◆ **TASK TO CARRY OUT**: Set down exactly the lines below between the line holding "#64=IFCINDEXEDPOLYGONALFACE((45,49,105,101));" and the line holding "#73=IFCINDEXEDPOLYGONALFACE((55,56,112,111));", inclusive; no other line belongs in the answer.

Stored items
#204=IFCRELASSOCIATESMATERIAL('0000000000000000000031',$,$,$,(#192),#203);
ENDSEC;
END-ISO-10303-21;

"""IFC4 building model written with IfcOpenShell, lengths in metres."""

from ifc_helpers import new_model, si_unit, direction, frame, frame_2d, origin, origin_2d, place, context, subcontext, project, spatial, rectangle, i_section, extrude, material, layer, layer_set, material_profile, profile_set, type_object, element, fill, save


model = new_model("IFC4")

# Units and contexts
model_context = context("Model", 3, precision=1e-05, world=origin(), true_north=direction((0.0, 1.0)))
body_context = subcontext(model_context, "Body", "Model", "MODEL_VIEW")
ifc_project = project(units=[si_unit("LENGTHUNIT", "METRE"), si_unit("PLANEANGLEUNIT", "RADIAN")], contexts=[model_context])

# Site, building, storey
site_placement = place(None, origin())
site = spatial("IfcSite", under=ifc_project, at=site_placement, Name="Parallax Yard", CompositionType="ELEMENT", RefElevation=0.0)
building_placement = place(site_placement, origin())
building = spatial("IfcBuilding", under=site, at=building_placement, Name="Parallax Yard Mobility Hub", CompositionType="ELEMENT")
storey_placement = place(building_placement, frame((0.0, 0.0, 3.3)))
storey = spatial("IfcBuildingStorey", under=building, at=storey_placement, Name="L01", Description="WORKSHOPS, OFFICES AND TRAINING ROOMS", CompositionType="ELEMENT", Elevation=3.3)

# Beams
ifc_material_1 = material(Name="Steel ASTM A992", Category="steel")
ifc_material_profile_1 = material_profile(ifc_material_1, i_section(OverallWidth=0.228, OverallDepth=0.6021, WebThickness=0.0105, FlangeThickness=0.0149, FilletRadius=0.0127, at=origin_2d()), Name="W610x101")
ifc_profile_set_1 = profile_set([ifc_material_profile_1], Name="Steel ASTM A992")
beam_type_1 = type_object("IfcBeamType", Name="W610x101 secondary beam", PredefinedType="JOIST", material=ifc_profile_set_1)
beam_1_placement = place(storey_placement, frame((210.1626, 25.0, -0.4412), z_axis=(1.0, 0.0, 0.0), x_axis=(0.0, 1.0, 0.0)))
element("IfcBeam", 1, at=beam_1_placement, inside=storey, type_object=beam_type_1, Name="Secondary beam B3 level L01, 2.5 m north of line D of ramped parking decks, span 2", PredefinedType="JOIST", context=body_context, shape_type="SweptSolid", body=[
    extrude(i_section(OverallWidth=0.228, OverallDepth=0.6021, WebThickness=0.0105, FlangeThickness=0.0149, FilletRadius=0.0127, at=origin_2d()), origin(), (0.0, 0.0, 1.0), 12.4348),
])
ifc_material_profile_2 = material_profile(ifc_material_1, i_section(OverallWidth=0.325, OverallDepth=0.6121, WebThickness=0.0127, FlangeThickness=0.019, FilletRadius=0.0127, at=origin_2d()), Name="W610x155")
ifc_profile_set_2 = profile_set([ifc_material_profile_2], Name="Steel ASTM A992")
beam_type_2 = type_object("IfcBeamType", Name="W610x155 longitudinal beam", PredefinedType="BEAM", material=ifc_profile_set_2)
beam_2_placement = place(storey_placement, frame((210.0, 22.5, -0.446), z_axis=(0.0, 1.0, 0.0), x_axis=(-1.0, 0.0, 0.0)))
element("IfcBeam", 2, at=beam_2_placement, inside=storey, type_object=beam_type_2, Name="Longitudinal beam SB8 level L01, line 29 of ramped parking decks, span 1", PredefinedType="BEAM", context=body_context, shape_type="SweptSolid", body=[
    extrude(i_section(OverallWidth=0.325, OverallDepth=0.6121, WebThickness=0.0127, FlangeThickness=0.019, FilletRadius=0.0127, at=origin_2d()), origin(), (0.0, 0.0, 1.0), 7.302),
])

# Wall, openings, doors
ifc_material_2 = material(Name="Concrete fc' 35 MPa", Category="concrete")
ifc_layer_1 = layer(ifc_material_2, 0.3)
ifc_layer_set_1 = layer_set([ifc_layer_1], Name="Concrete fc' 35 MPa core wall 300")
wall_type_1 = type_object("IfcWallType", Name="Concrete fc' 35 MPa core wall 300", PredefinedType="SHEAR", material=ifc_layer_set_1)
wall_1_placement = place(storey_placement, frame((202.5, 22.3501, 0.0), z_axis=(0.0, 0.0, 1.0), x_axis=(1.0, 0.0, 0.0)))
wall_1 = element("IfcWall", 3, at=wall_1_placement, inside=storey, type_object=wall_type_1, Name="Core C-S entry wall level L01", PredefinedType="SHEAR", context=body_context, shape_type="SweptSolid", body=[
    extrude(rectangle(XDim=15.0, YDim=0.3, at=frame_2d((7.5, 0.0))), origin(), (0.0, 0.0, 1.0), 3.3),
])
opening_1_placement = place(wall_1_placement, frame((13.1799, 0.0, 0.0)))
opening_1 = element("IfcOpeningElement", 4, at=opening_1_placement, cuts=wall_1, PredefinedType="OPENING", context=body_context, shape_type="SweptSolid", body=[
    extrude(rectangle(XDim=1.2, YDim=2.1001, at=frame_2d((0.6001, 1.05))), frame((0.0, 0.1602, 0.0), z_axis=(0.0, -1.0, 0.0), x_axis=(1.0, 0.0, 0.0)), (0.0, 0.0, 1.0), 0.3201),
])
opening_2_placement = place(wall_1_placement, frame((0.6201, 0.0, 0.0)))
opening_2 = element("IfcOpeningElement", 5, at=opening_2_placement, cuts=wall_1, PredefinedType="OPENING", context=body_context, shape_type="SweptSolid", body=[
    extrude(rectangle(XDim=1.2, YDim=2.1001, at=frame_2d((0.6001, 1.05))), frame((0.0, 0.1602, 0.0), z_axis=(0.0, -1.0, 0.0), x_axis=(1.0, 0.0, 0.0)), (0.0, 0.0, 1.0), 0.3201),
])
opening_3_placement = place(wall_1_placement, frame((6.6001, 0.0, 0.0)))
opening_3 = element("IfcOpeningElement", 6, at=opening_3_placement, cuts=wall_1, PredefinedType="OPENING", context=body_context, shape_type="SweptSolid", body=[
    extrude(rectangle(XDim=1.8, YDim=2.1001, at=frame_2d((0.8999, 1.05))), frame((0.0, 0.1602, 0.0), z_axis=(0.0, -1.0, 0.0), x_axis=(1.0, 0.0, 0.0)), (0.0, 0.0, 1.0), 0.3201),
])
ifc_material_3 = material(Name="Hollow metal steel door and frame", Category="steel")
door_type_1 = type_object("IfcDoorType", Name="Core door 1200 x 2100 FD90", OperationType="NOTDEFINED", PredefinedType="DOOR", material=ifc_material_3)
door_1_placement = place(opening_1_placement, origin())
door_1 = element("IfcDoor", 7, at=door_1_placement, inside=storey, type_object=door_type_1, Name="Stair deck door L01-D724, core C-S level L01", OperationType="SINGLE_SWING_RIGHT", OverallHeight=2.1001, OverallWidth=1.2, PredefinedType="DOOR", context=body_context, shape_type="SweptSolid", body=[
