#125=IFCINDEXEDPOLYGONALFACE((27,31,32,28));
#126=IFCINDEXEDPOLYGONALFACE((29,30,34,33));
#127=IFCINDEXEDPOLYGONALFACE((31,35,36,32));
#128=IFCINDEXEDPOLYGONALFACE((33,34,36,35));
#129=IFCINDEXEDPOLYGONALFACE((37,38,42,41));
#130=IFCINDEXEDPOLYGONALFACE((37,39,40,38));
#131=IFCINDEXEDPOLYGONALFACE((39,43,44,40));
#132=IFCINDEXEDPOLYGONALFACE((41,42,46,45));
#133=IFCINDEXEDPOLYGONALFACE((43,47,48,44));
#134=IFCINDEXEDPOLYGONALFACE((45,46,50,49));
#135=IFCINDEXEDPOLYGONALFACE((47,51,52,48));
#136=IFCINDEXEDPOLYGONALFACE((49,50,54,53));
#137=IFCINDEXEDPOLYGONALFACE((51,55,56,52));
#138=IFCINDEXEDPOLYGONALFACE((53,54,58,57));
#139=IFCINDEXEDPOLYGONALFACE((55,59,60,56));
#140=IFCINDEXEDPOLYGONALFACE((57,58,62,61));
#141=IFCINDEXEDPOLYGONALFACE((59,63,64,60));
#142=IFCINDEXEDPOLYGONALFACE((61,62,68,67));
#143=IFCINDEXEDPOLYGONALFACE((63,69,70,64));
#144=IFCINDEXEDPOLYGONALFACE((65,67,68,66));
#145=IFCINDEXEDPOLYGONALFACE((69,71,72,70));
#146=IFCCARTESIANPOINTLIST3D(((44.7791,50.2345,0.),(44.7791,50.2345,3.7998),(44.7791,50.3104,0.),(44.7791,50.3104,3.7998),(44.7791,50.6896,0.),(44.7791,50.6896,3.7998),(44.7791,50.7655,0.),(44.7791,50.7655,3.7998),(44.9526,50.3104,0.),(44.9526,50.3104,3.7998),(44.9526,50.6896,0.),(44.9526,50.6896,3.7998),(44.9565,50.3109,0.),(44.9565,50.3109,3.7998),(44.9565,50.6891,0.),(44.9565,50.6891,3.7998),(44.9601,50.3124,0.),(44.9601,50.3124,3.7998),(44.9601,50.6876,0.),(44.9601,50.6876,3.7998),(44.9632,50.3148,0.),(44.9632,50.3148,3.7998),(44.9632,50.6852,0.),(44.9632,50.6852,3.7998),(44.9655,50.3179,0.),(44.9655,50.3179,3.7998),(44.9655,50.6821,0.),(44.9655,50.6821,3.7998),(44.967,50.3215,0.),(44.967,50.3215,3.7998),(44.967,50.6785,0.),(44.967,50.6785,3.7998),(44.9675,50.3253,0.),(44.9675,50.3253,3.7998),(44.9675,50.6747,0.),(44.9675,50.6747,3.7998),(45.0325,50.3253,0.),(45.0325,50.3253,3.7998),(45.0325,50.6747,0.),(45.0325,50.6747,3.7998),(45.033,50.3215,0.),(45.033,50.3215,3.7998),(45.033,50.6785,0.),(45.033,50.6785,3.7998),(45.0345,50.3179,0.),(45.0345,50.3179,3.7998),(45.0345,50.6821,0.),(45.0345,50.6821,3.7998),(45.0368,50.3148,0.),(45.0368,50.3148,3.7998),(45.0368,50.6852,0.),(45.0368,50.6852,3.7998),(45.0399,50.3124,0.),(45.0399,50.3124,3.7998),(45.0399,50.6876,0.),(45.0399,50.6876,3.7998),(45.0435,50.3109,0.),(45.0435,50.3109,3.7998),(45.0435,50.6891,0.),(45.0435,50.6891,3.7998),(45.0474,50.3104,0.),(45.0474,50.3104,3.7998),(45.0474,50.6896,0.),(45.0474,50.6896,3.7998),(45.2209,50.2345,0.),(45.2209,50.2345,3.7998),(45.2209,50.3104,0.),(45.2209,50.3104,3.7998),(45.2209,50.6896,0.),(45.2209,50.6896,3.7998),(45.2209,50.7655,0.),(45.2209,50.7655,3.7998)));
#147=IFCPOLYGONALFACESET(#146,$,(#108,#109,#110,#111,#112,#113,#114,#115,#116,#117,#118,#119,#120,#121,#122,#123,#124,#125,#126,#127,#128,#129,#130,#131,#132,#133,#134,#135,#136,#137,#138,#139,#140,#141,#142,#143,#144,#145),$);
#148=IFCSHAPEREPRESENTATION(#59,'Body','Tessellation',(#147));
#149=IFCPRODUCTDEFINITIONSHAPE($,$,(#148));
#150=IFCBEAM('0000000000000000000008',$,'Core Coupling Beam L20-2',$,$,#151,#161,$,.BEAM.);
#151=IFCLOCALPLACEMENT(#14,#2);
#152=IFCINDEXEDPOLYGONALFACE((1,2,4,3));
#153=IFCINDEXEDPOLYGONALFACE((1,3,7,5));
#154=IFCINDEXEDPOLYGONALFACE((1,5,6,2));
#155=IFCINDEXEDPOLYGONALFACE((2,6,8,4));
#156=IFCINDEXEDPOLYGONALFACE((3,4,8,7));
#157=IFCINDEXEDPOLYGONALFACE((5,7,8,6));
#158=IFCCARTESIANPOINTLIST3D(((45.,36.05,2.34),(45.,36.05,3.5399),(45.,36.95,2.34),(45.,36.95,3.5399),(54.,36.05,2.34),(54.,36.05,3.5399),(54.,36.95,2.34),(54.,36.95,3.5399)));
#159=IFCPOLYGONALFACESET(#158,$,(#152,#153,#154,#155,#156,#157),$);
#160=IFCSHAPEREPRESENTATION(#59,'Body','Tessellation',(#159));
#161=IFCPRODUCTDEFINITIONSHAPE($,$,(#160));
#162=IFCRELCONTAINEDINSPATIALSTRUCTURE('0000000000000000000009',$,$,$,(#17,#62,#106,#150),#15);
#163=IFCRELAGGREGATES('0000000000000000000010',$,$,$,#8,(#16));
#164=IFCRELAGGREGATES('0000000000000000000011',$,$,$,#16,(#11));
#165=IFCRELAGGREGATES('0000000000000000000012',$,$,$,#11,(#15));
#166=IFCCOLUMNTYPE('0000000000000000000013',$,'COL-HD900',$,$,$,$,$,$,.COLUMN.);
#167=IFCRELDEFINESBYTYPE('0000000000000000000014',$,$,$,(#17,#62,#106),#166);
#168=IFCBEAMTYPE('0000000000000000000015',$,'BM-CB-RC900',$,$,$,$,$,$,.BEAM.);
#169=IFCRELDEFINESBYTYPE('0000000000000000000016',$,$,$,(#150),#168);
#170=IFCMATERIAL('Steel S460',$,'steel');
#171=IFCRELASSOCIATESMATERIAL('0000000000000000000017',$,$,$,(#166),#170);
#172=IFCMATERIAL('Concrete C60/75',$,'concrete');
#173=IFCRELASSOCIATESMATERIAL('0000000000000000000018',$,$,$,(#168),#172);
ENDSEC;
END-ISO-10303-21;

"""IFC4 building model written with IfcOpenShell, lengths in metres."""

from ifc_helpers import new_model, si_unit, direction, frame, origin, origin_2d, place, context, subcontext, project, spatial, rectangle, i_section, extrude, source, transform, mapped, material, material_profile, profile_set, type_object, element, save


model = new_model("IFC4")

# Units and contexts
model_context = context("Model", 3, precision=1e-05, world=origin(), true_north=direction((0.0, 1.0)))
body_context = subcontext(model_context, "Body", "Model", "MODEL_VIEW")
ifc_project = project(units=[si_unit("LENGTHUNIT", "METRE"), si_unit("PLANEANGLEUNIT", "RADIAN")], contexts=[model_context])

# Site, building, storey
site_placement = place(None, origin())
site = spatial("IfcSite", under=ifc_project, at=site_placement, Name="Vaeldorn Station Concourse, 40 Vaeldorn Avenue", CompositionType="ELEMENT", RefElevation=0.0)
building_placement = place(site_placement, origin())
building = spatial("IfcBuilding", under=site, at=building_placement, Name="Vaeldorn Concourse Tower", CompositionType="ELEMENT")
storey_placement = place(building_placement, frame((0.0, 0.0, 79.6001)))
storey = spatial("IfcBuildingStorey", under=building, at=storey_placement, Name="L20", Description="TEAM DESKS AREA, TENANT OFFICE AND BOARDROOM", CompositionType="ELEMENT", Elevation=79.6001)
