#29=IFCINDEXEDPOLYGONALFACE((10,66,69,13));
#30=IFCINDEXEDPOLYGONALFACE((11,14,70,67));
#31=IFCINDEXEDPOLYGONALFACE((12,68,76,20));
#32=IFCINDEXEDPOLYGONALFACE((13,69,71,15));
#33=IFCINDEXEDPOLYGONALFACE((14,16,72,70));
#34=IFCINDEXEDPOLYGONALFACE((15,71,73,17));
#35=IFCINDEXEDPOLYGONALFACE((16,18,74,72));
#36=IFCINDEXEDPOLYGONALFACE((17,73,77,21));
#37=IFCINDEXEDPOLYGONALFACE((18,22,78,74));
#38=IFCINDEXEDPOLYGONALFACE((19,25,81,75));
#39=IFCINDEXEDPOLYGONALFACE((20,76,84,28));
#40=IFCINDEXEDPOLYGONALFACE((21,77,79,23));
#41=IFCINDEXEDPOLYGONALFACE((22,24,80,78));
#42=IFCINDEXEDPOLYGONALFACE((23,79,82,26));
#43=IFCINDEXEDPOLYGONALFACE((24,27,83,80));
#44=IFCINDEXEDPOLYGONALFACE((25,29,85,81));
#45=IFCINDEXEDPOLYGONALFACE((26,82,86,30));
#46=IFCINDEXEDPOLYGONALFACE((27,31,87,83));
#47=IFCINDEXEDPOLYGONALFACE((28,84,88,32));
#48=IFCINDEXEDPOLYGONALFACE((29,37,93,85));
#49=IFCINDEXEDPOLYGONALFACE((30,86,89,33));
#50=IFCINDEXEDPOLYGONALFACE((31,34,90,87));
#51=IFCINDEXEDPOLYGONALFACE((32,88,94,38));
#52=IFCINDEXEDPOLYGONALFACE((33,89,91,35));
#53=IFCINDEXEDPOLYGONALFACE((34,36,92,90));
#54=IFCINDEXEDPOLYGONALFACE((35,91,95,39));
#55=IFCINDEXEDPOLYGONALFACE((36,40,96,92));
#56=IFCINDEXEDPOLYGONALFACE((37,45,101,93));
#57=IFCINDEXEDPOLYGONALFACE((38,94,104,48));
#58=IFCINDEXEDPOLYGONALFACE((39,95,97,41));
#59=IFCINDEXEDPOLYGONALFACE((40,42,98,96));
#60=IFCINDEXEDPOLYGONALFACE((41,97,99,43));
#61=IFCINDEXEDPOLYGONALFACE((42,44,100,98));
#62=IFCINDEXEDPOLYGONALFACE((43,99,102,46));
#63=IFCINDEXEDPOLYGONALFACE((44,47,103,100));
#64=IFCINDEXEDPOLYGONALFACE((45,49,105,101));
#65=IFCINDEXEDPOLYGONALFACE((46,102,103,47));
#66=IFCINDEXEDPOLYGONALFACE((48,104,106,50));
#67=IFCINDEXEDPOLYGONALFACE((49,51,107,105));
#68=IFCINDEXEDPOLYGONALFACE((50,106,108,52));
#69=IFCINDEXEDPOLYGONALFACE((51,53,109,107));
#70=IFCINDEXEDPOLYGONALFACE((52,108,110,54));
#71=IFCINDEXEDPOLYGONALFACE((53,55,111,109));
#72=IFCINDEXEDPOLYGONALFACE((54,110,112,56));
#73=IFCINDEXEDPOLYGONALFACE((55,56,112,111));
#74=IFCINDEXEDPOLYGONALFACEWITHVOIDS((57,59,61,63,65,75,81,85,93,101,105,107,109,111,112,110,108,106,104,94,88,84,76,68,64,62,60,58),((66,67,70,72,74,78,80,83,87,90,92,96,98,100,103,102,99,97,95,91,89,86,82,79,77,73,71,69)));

◆ **RESPONSE TO THIS EXERCISE**:
#64=IFCINDEXEDPOLYGONALFACE((45,49,105,101));
#65=IFCINDEXEDPOLYGONALFACE((46,102,103,47));
#66=IFCINDEXEDPOLYGONALFACE((48,104,106,50));
#67=IFCINDEXEDPOLYGONALFACE((49,51,107,105));
#68=IFCINDEXEDPOLYGONALFACE((50,106,108,52));
#69=IFCINDEXEDPOLYGONALFACE((51,53,109,107));
#70=IFCINDEXEDPOLYGONALFACE((52,108,110,54));
#71=IFCINDEXEDPOLYGONALFACE((53,55,111,109));
#72=IFCINDEXEDPOLYGONALFACE((54,110,112,56));
#73=IFCINDEXEDPOLYGONALFACE((55,56,112,111));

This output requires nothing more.